──────── GIVEN INFORMATION

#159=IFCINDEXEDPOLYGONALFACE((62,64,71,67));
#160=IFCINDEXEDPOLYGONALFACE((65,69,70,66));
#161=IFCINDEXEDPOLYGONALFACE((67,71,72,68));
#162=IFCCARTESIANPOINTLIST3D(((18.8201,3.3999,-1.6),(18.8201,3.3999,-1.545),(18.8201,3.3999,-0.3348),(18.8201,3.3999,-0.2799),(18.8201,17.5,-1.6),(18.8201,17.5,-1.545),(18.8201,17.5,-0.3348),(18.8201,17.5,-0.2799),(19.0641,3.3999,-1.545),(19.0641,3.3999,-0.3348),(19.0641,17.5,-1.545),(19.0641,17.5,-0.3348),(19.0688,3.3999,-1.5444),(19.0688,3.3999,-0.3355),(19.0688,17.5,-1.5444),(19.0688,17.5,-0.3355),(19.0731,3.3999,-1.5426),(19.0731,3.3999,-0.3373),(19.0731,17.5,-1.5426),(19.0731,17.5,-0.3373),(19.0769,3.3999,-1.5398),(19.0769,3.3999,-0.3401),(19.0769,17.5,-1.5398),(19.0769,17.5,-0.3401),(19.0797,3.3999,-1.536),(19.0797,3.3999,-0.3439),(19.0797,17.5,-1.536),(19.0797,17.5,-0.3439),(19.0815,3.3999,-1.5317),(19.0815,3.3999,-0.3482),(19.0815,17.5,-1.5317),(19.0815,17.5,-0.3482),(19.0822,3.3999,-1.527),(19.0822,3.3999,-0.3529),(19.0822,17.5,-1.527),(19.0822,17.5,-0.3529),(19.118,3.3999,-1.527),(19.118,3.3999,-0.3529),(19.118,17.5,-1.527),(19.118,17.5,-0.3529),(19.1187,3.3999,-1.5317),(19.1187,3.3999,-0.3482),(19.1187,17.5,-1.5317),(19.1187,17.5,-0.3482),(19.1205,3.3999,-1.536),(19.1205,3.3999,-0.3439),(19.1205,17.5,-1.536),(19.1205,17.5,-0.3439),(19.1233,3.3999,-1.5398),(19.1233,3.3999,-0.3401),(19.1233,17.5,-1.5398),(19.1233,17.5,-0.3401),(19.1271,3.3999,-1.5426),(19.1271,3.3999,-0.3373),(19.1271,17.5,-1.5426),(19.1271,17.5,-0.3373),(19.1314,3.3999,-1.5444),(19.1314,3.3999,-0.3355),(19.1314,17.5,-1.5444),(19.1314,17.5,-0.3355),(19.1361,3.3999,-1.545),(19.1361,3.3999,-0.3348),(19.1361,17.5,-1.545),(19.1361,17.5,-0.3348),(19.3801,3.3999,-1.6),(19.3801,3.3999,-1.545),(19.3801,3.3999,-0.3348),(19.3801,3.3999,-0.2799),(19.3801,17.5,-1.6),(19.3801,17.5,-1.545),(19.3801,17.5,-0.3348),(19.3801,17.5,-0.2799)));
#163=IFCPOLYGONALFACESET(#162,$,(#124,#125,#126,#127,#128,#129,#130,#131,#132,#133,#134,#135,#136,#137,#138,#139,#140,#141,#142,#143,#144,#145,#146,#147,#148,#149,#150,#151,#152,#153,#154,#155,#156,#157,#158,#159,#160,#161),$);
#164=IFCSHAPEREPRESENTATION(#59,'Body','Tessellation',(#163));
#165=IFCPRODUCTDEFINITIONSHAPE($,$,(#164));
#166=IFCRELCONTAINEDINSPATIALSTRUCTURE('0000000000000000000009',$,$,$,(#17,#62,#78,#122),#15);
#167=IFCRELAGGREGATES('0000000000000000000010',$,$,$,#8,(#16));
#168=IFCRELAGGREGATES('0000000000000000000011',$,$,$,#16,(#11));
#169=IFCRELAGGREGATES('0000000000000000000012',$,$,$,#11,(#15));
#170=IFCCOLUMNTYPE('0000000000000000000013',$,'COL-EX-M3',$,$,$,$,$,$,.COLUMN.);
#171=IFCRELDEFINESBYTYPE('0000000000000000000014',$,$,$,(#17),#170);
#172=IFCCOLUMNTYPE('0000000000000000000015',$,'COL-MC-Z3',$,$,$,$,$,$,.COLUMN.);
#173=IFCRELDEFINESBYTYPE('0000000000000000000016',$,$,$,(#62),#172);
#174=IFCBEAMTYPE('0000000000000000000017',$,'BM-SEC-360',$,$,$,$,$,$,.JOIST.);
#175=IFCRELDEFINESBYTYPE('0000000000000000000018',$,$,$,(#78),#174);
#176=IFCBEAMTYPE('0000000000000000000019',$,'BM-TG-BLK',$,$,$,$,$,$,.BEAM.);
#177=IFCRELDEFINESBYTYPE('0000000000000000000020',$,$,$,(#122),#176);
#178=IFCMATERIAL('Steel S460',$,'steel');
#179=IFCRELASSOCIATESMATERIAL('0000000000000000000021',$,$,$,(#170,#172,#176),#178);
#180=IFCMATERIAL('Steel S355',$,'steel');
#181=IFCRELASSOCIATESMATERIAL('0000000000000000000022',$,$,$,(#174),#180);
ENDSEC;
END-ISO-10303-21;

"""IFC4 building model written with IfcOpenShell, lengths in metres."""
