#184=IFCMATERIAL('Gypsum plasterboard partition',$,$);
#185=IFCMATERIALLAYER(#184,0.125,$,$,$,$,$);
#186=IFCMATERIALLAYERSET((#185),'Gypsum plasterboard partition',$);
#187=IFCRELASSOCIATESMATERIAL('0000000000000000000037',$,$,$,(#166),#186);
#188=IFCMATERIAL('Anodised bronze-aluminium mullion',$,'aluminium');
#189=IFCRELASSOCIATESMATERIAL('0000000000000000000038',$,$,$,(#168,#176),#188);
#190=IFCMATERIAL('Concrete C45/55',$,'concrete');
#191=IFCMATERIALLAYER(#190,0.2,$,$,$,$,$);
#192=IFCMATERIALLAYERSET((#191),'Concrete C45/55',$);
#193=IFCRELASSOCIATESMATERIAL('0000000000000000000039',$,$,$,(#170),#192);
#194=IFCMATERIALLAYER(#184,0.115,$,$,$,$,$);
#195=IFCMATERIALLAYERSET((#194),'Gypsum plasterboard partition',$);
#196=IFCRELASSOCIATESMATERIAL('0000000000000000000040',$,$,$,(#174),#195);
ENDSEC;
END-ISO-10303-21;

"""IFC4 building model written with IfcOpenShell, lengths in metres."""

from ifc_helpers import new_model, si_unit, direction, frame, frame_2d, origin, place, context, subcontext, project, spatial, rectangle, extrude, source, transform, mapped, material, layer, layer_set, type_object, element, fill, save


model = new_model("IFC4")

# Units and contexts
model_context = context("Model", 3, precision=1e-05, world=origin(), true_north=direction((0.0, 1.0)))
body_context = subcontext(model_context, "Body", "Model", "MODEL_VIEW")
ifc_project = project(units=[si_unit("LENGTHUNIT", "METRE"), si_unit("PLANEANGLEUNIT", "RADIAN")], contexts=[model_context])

────────────────

TASK INSTRUCTIONS:
Find the word "IFCINDEXEDPOLYGONALFACE" in the records, and report each line that has it.

REPLY TO THE EXERCISE:
#159=IFCINDEXEDPOLYGONALFACE((62,64,71,67));
#160=IFCINDEXEDPOLYGONALFACE((65,69,70,66));
#161=IFCINDEXEDPOLYGONALFACE((67,71,72,68));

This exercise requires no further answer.